**WORK REQUIRED:**
Reproduce each line from the records that holds "IFCPOLYGONALFACESET".

START RAW DATA

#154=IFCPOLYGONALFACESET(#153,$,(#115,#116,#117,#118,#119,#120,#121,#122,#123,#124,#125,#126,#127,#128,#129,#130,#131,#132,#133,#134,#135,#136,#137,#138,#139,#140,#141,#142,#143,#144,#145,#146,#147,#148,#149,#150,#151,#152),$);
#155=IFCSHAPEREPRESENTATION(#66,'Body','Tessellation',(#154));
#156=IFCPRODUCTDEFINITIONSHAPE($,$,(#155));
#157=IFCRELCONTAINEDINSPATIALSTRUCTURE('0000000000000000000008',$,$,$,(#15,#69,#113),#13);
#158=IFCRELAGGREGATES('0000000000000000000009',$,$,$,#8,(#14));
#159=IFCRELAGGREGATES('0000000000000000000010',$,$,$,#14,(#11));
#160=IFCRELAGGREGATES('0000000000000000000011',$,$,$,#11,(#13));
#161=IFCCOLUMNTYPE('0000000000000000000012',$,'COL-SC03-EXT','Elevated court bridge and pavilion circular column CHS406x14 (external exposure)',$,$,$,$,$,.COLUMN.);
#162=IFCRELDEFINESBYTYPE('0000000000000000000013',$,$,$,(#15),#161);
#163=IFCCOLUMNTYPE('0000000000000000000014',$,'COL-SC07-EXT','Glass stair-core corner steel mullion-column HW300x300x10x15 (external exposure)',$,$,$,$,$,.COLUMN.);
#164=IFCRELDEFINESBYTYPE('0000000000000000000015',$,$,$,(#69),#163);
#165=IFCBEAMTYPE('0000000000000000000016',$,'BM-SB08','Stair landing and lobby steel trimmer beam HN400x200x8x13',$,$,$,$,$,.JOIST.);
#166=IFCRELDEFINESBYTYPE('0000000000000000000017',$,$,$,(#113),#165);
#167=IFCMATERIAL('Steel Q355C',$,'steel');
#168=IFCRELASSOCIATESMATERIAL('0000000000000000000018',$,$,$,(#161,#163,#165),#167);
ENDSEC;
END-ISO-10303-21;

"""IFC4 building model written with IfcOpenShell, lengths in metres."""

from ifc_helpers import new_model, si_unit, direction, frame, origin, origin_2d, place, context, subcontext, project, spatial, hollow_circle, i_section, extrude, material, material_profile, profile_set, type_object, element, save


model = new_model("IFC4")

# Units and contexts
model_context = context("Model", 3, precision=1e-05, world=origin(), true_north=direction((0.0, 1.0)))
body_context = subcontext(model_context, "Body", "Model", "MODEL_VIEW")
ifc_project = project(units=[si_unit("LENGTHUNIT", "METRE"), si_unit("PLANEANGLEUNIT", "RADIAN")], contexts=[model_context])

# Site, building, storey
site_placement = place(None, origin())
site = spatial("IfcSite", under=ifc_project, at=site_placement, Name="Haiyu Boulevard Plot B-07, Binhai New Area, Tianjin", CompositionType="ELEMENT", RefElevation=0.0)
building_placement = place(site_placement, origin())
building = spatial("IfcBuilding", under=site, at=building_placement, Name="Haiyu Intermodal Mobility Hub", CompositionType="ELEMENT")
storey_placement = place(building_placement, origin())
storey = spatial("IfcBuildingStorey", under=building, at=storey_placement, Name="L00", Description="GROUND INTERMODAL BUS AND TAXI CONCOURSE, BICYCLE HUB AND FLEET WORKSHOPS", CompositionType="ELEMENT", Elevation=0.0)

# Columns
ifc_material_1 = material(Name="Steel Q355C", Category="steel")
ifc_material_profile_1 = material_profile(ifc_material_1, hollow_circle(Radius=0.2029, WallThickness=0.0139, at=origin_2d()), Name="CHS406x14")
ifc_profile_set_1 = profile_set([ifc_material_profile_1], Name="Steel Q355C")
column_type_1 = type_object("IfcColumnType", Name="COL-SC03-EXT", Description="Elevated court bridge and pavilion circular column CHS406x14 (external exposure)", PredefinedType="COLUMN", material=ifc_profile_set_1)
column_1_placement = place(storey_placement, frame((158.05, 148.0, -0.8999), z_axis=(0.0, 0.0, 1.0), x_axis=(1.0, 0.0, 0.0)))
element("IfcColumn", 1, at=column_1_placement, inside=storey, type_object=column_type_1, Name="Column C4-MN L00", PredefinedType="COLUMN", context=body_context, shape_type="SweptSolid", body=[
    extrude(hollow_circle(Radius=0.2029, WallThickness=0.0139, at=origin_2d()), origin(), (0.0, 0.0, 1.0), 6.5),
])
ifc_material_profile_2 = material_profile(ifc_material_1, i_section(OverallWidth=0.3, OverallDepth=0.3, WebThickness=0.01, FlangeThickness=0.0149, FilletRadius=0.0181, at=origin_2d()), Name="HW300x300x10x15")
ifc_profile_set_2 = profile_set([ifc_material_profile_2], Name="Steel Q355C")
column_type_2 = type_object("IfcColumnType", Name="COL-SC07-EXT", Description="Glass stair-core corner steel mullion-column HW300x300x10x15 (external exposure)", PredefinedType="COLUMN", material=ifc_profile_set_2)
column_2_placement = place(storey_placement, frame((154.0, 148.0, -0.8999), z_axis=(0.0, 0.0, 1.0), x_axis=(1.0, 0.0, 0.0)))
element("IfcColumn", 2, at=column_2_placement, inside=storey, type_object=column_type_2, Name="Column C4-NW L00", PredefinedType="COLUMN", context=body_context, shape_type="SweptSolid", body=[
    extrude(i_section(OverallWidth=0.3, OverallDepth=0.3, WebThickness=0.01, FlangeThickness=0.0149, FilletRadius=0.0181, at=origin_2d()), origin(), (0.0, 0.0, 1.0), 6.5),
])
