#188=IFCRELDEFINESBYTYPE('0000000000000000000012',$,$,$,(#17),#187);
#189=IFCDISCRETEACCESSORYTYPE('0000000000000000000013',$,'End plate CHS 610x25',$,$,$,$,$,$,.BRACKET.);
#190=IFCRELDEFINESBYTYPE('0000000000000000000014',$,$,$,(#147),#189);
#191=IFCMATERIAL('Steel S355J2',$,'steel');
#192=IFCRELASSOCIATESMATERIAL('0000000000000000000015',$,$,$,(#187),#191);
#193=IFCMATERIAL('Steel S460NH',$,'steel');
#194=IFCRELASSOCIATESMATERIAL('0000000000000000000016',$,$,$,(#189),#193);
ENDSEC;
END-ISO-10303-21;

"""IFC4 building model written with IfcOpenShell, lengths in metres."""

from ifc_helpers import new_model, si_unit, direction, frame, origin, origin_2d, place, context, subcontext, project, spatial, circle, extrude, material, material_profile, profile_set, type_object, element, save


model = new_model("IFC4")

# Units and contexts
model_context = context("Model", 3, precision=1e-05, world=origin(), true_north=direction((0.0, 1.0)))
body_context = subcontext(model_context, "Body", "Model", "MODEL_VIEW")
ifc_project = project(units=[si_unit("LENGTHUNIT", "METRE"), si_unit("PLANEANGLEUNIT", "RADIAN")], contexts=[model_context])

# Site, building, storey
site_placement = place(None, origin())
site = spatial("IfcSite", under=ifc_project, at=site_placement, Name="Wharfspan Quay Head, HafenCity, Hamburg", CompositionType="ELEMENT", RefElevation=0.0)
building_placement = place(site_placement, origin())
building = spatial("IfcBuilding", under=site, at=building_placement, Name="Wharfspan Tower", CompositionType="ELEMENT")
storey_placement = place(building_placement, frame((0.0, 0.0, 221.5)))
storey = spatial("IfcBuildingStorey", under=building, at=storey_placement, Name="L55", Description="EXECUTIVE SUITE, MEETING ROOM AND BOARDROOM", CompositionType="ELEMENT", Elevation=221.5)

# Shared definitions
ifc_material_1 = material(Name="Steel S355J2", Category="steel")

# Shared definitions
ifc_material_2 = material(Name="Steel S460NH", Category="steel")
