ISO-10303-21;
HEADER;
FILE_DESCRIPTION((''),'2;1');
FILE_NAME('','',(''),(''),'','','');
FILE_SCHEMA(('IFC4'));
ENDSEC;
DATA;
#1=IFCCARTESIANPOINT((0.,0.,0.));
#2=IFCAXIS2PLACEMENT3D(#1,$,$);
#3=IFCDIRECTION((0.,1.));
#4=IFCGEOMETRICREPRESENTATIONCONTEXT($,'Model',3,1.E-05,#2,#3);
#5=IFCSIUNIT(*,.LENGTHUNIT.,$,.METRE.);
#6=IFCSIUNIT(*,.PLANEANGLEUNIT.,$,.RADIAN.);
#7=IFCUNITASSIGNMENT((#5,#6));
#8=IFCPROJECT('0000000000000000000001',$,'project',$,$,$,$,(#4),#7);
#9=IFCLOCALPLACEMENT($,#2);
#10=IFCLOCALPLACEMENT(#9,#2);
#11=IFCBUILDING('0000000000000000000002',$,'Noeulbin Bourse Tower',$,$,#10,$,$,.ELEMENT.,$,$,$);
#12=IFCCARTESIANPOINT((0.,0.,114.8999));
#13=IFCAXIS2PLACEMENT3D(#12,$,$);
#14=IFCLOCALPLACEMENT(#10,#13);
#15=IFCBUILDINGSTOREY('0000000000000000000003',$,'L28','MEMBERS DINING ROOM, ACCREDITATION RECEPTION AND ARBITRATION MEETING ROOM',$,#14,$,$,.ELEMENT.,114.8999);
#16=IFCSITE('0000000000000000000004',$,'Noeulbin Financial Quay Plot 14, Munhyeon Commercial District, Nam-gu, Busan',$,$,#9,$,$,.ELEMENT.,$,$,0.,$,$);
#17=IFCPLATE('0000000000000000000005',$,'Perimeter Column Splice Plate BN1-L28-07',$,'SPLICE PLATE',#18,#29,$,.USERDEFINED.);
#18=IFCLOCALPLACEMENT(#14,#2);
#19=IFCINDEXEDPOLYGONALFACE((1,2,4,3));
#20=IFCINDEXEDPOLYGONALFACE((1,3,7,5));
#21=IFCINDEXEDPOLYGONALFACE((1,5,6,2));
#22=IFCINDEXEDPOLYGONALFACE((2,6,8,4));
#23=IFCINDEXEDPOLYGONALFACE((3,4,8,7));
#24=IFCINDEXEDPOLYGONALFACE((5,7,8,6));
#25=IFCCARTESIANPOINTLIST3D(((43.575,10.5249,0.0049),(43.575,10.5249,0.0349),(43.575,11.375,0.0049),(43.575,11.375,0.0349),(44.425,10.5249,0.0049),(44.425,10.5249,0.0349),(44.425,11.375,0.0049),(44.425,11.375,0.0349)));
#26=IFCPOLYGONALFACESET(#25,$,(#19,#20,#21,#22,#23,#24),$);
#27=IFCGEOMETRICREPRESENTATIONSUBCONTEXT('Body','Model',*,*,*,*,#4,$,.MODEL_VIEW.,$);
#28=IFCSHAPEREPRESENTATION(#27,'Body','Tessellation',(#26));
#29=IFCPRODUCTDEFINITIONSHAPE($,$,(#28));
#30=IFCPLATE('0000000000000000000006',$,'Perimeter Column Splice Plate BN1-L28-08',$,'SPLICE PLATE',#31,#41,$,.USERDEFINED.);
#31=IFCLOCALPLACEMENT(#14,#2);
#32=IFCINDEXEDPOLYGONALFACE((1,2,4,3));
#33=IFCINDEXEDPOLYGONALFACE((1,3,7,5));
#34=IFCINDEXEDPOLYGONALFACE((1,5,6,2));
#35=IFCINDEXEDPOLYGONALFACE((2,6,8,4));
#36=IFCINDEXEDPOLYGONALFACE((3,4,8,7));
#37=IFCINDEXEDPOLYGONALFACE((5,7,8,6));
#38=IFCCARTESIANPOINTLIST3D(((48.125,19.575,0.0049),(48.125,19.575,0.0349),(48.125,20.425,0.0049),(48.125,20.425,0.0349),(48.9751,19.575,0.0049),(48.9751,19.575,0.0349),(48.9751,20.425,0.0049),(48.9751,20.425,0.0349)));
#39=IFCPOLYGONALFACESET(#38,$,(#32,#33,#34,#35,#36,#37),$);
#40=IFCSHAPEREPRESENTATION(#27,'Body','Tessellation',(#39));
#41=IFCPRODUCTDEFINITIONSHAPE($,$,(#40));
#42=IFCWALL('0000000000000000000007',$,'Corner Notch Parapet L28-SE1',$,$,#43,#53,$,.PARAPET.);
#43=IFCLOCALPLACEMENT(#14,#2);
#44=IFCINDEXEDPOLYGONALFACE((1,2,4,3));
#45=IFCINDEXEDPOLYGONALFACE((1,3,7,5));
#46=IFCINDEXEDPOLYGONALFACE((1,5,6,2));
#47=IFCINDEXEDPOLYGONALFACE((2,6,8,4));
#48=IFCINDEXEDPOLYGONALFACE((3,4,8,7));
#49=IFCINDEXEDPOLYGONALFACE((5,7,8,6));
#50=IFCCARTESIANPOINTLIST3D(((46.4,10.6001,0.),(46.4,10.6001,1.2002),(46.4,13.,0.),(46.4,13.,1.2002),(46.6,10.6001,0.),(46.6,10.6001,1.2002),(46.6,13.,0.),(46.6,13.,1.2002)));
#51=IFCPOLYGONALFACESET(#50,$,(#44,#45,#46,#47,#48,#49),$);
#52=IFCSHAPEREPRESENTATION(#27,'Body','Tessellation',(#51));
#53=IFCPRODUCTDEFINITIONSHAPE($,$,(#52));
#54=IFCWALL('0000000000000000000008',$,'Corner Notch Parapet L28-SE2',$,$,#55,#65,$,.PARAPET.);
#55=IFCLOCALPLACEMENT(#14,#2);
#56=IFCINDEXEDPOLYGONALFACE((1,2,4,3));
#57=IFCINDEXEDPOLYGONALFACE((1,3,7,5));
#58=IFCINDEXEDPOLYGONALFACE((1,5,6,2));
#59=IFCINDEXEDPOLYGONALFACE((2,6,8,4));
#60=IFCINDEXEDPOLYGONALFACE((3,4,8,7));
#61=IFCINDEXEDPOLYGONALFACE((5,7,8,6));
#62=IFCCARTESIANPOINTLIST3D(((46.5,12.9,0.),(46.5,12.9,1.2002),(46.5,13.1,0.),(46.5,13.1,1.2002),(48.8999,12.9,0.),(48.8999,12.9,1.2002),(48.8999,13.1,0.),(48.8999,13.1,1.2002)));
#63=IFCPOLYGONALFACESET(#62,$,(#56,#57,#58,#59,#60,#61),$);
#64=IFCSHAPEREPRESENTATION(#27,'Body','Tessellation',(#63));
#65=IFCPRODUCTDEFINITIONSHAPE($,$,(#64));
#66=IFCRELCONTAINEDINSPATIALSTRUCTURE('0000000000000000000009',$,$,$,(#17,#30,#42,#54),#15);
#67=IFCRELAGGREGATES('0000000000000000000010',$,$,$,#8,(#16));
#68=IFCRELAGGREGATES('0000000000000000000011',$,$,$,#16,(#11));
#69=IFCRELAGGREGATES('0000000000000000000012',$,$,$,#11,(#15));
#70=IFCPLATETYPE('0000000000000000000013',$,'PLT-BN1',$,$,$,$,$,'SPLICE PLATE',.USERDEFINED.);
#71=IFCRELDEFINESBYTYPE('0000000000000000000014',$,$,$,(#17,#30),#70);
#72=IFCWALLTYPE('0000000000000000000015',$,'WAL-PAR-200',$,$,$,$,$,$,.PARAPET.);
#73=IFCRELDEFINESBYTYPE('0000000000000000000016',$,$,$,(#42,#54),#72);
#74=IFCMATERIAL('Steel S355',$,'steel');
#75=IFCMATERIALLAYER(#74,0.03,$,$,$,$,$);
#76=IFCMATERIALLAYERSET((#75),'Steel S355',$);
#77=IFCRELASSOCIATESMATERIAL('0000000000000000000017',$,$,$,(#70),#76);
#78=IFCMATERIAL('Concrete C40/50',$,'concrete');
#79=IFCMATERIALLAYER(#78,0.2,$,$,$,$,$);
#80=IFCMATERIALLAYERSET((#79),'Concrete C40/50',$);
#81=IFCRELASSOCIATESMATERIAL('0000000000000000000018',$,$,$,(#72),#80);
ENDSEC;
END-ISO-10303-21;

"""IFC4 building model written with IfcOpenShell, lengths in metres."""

from ifc_helpers import new_model, si_unit, direction, frame, frame_2d, origin, origin_2d, place, context, subcontext, project, spatial, rectangle, extrude, material, layer, layer_set, type_object, element, save


model = new_model("IFC4")

# Units and contexts
model_context = context("Model", 3, precision=1e-05, world=origin(), true_north=direction((0.0, 1.0)))
body_context = subcontext(model_context, "Body", "Model", "MODEL_VIEW")
ifc_project = project(units=[si_unit("LENGTHUNIT", "METRE"), si_unit("PLANEANGLEUNIT", "RADIAN")], contexts=[model_context])

# Site, building, storey
site_placement = place(None, origin())
site = spatial("IfcSite", under=ifc_project, at=site_placement, Name="Noeulbin Financial Quay Plot 14, Munhyeon Commercial District, Nam-gu, Busan", CompositionType="ELEMENT", RefElevation=0.0)
building_placement = place(site_placement, origin())
building = spatial("IfcBuilding", under=site, at=building_placement, Name="Noeulbin Bourse Tower", CompositionType="ELEMENT")
storey_placement = place(building_placement, frame((0.0, 0.0, 114.8999)))
storey = spatial("IfcBuildingStorey", under=building, at=storey_placement, Name="L28", Description="MEMBERS DINING ROOM, ACCREDITATION RECEPTION AND ARBITRATION MEETING ROOM", CompositionType="ELEMENT", Elevation=114.8999)

# Shared definitions
ifc_material_1 = material(Name="Steel S355", Category="steel")

# Plates
ifc_layer_1 = layer(ifc_material_1, 0.03)
ifc_layer_set_1 = layer_set([ifc_layer_1], Name="Steel S355")
plate_type_1 = type_object("IfcPlateType", Name="PLT-BN1", ElementType="SPLICE PLATE", PredefinedType="USERDEFINED", material=ifc_layer_set_1)
for number, where, z_axis, x_axis, name in (
    (1, (44.0, 10.95, 0.0049), (0.0, 0.0, 1.0), (1.0, 0.0, 0.0), "Perimeter Column Splice Plate BN1-L28-07"),
    (2, (48.55, 20.0, 0.0049), (0.0, 0.0, 1.0), (1.0, 0.0, 0.0), "Perimeter Column Splice Plate BN1-L28-08"),
):
    element("IfcPlate", number, at=place(storey_placement, frame(where, z_axis=z_axis, x_axis=x_axis)), inside=storey, type_object=plate_type_1, Name=name, ObjectType="SPLICE PLATE", PredefinedType="USERDEFINED", context=body_context, shape_type="SweptSolid", body=[
        extrude(rectangle(XDim=0.8501, YDim=0.8501, at=origin_2d()), origin(), (0.0, 0.0, 1.0), 0.03),
    ])

# Walls
ifc_material_2 = material(Name="Concrete C40/50", Category="concrete")
ifc_layer_2 = layer(ifc_material_2, 0.2)
ifc_layer_set_2 = layer_set([ifc_layer_2], Name="Concrete C40/50")
wall_type = type_object("IfcWallType", Name="WAL-PAR-200", PredefinedType="PARAPET", material=ifc_layer_set_2)
for number, where, z_axis, x_axis, name in (
    (3, (46.5, 10.6001, 0.0), (0.0, 0.0, 1.0), (0.0, 1.0, 0.0), "Corner Notch Parapet L28-SE1"),
    (4, (46.5, 13.0, 0.0), (0.0, 0.0, 1.0), (1.0, 0.0, 0.0), "Corner Notch Parapet L28-SE2"),
):
    element("IfcWall", number, at=place(storey_placement, frame(where, z_axis=z_axis, x_axis=x_axis)), inside=storey, type_object=wall_type, Name=name, PredefinedType="PARAPET", context=body_context, shape_type="SweptSolid", body=[
        extrude(rectangle(XDim=2.3999, YDim=0.2, at=frame_2d((1.2, 0.0))), origin(), (0.0, 0.0, 1.0), 1.2002),
    ])

save(model, "model.ifc")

END RAW DATA

**RESPONSE TO THIS EXERCISE:**
#154=IFCPOLYGONALFACESET(#153,$,(#115,#116,#117,#118,#119,#120,#121,#122,#123,#124,#125,#126,#127,#128,#129,#130,#131,#132,#133,#134,#135,#136,#137,#138,#139,#140,#141,#142,#143,#144,#145,#146,#147,#148,#149,#150,#151,#152),$);
#26=IFCPOLYGONALFACESET(#25,$,(#19,#20,#21,#22,#23,#24),$);
#39=IFCPOLYGONALFACESET(#38,$,(#32,#33,#34,#35,#36,#37),$);
#51=IFCPOLYGONALFACESET(#50,$,(#44,#45,#46,#47,#48,#49),$);
#63=IFCPOLYGONALFACESET(#62,$,(#56,#57,#58,#59,#60,#61),$);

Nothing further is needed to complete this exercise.